Print the whole listing below again, exactly as given.
(DATA SUPPLIED Opens)
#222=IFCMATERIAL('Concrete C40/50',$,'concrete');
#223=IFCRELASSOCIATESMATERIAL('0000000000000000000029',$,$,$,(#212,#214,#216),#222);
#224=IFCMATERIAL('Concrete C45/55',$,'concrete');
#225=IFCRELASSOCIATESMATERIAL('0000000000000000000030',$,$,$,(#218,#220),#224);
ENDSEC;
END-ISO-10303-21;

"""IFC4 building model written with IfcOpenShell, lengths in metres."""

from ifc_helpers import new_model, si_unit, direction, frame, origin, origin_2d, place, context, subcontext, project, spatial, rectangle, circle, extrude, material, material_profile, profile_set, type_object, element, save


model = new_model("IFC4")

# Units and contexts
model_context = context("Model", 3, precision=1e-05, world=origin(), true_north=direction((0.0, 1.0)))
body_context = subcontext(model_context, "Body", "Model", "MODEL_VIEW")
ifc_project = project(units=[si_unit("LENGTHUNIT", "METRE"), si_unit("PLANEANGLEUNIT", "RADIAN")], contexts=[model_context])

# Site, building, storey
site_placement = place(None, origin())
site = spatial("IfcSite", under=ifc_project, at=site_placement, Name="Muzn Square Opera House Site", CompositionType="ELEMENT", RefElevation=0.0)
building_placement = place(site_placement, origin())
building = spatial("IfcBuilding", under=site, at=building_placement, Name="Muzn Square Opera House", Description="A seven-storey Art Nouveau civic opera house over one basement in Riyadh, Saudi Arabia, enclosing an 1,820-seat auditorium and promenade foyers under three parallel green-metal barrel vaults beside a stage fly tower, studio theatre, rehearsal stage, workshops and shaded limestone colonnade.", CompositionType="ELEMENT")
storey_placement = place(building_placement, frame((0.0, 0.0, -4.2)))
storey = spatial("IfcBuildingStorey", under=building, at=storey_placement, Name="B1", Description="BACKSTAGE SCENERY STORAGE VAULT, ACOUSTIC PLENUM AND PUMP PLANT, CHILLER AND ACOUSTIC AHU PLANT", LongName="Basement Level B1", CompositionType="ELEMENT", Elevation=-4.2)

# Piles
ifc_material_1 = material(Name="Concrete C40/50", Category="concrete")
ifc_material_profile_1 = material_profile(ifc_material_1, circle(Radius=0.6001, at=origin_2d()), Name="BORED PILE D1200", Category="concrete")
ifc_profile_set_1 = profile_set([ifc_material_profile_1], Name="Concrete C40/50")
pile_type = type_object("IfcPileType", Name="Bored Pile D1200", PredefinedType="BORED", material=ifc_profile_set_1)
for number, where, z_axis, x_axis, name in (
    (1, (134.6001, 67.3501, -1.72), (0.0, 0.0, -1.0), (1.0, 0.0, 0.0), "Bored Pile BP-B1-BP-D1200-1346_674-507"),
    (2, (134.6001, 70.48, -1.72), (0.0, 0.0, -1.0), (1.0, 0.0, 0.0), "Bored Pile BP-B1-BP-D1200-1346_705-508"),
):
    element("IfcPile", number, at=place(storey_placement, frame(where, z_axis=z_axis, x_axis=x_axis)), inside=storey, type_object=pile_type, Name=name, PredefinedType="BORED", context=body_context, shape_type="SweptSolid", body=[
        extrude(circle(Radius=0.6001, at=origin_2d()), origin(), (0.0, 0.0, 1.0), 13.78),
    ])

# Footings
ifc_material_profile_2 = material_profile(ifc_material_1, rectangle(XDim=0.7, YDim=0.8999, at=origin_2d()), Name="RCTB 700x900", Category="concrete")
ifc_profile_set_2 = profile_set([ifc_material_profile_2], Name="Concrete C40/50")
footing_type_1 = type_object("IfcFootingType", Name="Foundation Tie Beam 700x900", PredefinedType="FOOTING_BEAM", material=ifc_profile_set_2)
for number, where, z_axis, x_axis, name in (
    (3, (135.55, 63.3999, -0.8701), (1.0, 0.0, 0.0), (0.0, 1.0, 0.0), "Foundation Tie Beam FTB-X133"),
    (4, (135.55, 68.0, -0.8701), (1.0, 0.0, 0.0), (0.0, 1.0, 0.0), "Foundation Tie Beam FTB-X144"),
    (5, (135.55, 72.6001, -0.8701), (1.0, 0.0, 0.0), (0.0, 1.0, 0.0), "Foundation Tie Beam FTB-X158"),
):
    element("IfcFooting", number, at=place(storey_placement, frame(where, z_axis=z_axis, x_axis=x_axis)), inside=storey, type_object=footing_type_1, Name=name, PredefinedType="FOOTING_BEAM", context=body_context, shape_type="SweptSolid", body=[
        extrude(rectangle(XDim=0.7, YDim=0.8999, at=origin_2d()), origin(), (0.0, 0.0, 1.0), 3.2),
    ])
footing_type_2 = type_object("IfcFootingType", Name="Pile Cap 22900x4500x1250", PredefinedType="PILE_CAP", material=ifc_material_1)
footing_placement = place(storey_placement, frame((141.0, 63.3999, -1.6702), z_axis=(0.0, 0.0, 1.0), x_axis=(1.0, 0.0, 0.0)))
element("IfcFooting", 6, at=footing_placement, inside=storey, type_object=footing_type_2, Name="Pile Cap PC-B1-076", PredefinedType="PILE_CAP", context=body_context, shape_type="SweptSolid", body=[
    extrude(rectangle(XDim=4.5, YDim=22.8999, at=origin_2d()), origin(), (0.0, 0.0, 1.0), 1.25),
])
(DATA SUPPLIED Closes)
● REPLY TO THE EXERCISE:
#222=IFCMATERIAL('Concrete C40/50',$,'concrete');
#223=IFCRELASSOCIATESMATERIAL('0000000000000000000029',$,$,$,(#212,#214,#216),#222);
#224=IFCMATERIAL('Concrete C45/55',$,'concrete');
#225=IFCRELASSOCIATESMATERIAL('0000000000000000000030',$,$,$,(#218,#220),#224);
ENDSEC;
END-ISO-10303-21;

"""IFC4 building model written with IfcOpenShell, lengths in metres."""

from ifc_helpers import new_model, si_unit, direction, frame, origin, origin_2d, place, context, subcontext, project, spatial, rectangle, circle, extrude, material, material_profile, profile_set, type_object, element, save


model = new_model("IFC4")

# Units and contexts
model_context = context("Model", 3, precision=1e-05, world=origin(), true_north=direction((0.0, 1.0)))
body_context = subcontext(model_context, "Body", "Model", "MODEL_VIEW")
ifc_project = project(units=[si_unit("LENGTHUNIT", "METRE"), si_unit("PLANEANGLEUNIT", "RADIAN")], contexts=[model_context])

# Site, building, storey
site_placement = place(None, origin())
site = spatial("IfcSite", under=ifc_project, at=site_placement, Name="Muzn Square Opera House Site", CompositionType="ELEMENT", RefElevation=0.0)
building_placement = place(site_placement, origin())
building = spatial("IfcBuilding", under=site, at=building_placement, Name="Muzn Square Opera House", Description="A seven-storey Art Nouveau civic opera house over one basement in Riyadh, Saudi Arabia, enclosing an 1,820-seat auditorium and promenade foyers under three parallel green-metal barrel vaults beside a stage fly tower, studio theatre, rehearsal stage, workshops and shaded limestone colonnade.", CompositionType="ELEMENT")
storey_placement = place(building_placement, frame((0.0, 0.0, -4.2)))
storey = spatial("IfcBuildingStorey", under=building, at=storey_placement, Name="B1", Description="BACKSTAGE SCENERY STORAGE VAULT, ACOUSTIC PLENUM AND PUMP PLANT, CHILLER AND ACOUSTIC AHU PLANT", LongName="Basement Level B1", CompositionType="ELEMENT", Elevation=-4.2)

# Piles
ifc_material_1 = material(Name="Concrete C40/50", Category="concrete")
ifc_material_profile_1 = material_profile(ifc_material_1, circle(Radius=0.6001, at=origin_2d()), Name="BORED PILE D1200", Category="concrete")
ifc_profile_set_1 = profile_set([ifc_material_profile_1], Name="Concrete C40/50")
pile_type = type_object("IfcPileType", Name="Bored Pile D1200", PredefinedType="BORED", material=ifc_profile_set_1)
for number, where, z_axis, x_axis, name in (
    (1, (134.6001, 67.3501, -1.72), (0.0, 0.0, -1.0), (1.0, 0.0, 0.0), "Bored Pile BP-B1-BP-D1200-1346_674-507"),
    (2, (134.6001, 70.48, -1.72), (0.0, 0.0, -1.0), (1.0, 0.0, 0.0), "Bored Pile BP-B1-BP-D1200-1346_705-508"),
):
    element("IfcPile", number, at=place(storey_placement, frame(where, z_axis=z_axis, x_axis=x_axis)), inside=storey, type_object=pile_type, Name=name, PredefinedType="BORED", context=body_context, shape_type="SweptSolid", body=[
        extrude(circle(Radius=0.6001, at=origin_2d()), origin(), (0.0, 0.0, 1.0), 13.78),
    ])

# Footings
ifc_material_profile_2 = material_profile(ifc_material_1, rectangle(XDim=0.7, YDim=0.8999, at=origin_2d()), Name="RCTB 700x900", Category="concrete")
ifc_profile_set_2 = profile_set([ifc_material_profile_2], Name="Concrete C40/50")
footing_type_1 = type_object("IfcFootingType", Name="Foundation Tie Beam 700x900", PredefinedType="FOOTING_BEAM", material=ifc_profile_set_2)
for number, where, z_axis, x_axis, name in (
    (3, (135.55, 63.3999, -0.8701), (1.0, 0.0, 0.0), (0.0, 1.0, 0.0), "Foundation Tie Beam FTB-X133"),
    (4, (135.55, 68.0, -0.8701), (1.0, 0.0, 0.0), (0.0, 1.0, 0.0), "Foundation Tie Beam FTB-X144"),
    (5, (135.55, 72.6001, -0.8701), (1.0, 0.0, 0.0), (0.0, 1.0, 0.0), "Foundation Tie Beam FTB-X158"),
):
    element("IfcFooting", number, at=place(storey_placement, frame(where, z_axis=z_axis, x_axis=x_axis)), inside=storey, type_object=footing_type_1, Name=name, PredefinedType="FOOTING_BEAM", context=body_context, shape_type="SweptSolid", body=[
        extrude(rectangle(XDim=0.7, YDim=0.8999, at=origin_2d()), origin(), (0.0, 0.0, 1.0), 3.2),
    ])
footing_type_2 = type_object("IfcFootingType", Name="Pile Cap 22900x4500x1250", PredefinedType="PILE_CAP", material=ifc_material_1)
footing_placement = place(storey_placement, frame((141.0, 63.3999, -1.6702), z_axis=(0.0, 0.0, 1.0), x_axis=(1.0, 0.0, 0.0)))
element("IfcFooting", 6, at=footing_placement, inside=storey, type_object=footing_type_2, Name="Pile Cap PC-B1-076", PredefinedType="PILE_CAP", context=body_context, shape_type="SweptSolid", body=[
    extrude(rectangle(XDim=4.5, YDim=22.8999, at=origin_2d()), origin(), (0.0, 0.0, 1.0), 1.25),
])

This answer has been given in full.